REQUIRED WORK: Find each line in the records below that contains the word "DOOR", and copy it out.

ENTRIES PROVIDED:
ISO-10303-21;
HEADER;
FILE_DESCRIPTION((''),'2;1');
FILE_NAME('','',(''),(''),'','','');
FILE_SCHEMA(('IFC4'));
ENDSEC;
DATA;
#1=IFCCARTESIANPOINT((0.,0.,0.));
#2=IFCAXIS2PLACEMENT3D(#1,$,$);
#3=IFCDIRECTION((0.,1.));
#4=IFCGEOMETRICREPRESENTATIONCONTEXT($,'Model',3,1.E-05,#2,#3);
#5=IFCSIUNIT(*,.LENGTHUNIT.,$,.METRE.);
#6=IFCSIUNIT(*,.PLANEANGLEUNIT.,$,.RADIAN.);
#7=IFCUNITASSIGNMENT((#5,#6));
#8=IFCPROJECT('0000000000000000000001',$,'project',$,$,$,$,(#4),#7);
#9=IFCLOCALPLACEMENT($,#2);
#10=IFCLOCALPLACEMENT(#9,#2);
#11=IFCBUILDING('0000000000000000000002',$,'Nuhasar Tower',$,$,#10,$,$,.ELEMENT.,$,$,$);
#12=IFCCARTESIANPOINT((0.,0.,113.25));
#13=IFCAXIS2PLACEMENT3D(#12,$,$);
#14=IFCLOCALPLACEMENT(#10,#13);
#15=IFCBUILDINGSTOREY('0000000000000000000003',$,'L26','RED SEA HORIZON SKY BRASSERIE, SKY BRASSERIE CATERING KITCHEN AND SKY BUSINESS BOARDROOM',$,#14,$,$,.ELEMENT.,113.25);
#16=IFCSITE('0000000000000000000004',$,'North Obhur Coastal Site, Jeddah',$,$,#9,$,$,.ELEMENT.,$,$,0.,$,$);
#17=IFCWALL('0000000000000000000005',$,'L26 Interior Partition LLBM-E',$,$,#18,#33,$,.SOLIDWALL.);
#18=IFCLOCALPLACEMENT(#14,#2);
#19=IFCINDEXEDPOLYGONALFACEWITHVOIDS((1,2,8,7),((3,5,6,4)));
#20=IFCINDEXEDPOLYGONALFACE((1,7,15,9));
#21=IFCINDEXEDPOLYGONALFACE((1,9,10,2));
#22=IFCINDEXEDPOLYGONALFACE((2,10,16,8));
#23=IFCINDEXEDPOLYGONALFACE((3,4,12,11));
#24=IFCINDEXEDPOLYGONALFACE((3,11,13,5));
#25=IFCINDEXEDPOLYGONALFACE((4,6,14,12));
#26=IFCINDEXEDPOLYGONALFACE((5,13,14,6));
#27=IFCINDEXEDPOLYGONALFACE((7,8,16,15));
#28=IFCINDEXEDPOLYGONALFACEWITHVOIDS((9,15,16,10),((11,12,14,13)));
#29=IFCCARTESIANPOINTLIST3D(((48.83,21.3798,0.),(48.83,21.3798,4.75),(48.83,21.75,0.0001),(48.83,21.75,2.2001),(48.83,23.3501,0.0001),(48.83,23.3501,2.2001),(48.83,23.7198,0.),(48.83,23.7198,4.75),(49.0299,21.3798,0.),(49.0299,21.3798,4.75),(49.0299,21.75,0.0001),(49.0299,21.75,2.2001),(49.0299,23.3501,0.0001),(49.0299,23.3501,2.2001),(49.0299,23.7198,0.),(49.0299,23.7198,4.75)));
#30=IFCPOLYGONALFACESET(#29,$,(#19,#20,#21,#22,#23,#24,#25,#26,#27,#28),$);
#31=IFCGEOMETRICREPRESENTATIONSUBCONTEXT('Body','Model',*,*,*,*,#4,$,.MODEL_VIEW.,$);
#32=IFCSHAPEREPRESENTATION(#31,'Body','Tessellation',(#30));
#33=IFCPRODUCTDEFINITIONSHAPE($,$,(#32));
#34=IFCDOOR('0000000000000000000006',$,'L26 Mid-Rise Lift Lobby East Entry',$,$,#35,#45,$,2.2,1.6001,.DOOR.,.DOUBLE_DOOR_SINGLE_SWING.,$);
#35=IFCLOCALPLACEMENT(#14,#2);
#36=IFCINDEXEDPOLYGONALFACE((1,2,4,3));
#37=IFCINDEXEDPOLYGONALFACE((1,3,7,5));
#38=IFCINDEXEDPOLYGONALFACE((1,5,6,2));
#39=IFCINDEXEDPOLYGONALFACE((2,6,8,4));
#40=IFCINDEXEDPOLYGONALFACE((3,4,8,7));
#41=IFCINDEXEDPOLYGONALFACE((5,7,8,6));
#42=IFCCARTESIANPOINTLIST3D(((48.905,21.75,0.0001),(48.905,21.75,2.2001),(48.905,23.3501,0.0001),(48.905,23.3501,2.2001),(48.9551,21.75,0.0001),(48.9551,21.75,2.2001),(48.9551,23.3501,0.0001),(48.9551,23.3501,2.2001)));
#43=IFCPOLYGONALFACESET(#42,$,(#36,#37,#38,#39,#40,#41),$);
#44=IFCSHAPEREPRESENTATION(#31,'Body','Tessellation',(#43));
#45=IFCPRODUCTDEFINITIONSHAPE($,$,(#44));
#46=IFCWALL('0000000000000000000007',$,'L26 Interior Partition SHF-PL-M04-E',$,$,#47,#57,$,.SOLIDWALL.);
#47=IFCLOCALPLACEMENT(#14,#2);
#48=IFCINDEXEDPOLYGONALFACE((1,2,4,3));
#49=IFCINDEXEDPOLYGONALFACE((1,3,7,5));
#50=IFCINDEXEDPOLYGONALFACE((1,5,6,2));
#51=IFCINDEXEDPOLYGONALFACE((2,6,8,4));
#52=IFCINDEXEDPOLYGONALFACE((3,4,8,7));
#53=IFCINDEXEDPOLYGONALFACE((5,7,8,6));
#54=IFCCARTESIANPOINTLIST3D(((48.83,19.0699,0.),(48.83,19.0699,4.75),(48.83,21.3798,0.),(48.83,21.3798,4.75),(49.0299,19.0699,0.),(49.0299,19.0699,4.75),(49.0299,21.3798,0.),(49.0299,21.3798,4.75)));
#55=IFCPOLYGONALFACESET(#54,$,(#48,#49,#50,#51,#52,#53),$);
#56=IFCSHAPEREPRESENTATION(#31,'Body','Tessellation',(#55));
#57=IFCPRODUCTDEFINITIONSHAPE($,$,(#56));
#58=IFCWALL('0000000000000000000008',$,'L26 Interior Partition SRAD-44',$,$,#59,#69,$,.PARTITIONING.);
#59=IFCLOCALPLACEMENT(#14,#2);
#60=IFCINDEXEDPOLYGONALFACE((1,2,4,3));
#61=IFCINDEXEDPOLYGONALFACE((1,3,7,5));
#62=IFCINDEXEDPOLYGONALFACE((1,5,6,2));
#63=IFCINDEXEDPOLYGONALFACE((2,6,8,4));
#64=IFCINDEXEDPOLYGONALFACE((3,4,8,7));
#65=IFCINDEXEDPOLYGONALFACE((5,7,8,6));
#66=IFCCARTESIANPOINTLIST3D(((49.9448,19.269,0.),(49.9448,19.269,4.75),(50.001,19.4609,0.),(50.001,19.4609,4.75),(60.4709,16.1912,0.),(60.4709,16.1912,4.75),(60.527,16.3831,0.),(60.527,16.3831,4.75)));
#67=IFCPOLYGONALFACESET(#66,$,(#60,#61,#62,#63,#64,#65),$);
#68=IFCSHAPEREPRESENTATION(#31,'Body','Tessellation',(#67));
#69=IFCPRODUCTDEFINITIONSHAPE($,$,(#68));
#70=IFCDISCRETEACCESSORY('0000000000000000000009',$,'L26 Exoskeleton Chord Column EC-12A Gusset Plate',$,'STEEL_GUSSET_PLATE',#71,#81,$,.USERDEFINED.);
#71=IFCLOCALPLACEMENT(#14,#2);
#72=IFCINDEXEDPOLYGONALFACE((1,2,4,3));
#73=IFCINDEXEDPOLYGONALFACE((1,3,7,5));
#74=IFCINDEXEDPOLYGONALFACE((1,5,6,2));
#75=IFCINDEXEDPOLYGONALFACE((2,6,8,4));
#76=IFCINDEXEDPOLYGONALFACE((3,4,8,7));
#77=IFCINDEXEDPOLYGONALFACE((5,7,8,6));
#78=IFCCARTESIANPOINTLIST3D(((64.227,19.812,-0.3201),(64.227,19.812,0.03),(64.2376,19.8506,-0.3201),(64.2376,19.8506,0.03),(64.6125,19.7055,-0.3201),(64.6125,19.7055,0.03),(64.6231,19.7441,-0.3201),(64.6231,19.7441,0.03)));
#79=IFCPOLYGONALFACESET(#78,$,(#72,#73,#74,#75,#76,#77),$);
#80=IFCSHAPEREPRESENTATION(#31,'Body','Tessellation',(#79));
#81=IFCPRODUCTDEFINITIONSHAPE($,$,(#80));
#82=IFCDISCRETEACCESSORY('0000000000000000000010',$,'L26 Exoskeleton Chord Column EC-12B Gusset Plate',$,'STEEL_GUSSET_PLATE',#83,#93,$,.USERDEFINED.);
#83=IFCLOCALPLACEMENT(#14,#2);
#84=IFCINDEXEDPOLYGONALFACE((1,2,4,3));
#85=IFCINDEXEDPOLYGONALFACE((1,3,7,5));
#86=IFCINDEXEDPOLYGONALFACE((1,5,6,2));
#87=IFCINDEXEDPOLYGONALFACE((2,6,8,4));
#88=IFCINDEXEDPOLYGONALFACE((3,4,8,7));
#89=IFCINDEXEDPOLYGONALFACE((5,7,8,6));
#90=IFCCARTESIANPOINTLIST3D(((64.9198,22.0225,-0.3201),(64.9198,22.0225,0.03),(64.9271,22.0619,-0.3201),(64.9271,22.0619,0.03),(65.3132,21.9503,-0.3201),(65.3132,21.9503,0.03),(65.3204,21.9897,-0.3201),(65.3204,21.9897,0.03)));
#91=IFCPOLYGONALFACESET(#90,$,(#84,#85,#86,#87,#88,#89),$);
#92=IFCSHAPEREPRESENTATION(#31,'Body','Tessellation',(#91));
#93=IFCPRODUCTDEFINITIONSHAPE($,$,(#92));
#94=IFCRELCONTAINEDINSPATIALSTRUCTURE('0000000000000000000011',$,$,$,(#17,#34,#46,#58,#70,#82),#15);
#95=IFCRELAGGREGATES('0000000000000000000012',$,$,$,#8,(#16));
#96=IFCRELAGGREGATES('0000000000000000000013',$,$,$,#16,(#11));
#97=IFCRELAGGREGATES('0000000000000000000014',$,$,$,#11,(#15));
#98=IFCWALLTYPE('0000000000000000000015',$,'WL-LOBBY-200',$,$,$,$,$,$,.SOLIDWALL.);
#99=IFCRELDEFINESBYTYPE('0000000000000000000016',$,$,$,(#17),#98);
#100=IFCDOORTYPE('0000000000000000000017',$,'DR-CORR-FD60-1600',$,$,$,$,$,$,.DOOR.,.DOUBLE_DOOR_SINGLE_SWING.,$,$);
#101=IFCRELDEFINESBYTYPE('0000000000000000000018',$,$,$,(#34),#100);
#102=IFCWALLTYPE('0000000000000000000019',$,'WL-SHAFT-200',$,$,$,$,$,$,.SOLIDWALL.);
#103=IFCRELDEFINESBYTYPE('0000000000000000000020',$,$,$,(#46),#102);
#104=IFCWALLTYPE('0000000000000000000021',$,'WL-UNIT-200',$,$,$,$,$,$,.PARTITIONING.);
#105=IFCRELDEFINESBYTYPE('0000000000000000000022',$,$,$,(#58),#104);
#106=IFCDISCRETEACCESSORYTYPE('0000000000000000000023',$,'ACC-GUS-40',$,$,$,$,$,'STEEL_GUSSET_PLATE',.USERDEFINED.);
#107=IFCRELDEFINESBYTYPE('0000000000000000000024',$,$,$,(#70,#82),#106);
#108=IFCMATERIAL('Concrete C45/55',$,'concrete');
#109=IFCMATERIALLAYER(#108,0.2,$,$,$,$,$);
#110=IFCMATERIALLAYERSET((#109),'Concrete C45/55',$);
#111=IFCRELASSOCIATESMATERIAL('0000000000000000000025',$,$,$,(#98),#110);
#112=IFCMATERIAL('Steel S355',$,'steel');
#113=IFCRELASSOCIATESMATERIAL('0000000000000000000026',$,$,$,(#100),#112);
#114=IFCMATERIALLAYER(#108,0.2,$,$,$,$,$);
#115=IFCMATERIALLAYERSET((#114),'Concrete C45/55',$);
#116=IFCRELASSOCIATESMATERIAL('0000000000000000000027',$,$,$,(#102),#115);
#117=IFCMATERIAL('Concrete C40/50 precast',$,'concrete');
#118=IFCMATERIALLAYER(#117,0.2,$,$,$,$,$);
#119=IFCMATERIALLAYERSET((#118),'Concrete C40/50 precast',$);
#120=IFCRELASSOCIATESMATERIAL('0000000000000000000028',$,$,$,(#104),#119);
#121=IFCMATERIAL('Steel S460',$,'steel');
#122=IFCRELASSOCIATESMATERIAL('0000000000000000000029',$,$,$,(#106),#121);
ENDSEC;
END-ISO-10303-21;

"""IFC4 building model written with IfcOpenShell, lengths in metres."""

from ifc_helpers import new_model, si_unit, direction, frame, frame_2d, origin, origin_2d, place, context, subcontext, project, spatial, rectangle, extrude, material, layer, layer_set, type_object, element, fill, save


model = new_model("IFC4")

# Units and contexts
model_context = context("Model", 3, precision=1e-05, world=origin(), true_north=direction((0.0, 1.0)))
body_context = subcontext(model_context, "Body", "Model", "MODEL_VIEW")
ifc_project = project(units=[si_unit("LENGTHUNIT", "METRE"), si_unit("PLANEANGLEUNIT", "RADIAN")], contexts=[model_context])

# Site, building, storey
site_placement = place(None, origin())
site = spatial("IfcSite", under=ifc_project, at=site_placement, Name="North Obhur Coastal Site, Jeddah", CompositionType="ELEMENT", RefElevation=0.0)
building_placement = place(site_placement, origin())
building = spatial("IfcBuilding", under=site, at=building_placement, Name="Nuhasar Tower", CompositionType="ELEMENT")
storey_placement = place(building_placement, frame((0.0, 0.0, 113.25)))
storey = spatial("IfcBuildingStorey", under=building, at=storey_placement, Name="L26", Description="RED SEA HORIZON SKY BRASSERIE, SKY BRASSERIE CATERING KITCHEN AND SKY BUSINESS BOARDROOM", CompositionType="ELEMENT", Elevation=113.25)

# Shared definitions
ifc_material_1 = material(Name="Steel S460", Category="steel")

TASK SOLUTION:
#34=IFCDOOR('0000000000000000000006',$,'L26 Mid-Rise Lift Lobby East Entry',$,$,#35,#45,$,2.2,1.6001,.DOOR.,.DOUBLE_DOOR_SINGLE_SWING.,$);
#100=IFCDOORTYPE('0000000000000000000017',$,'DR-CORR-FD60-1600',$,$,$,$,$,$,.DOOR.,.DOUBLE_DOOR_SINGLE_SWING.,$,$);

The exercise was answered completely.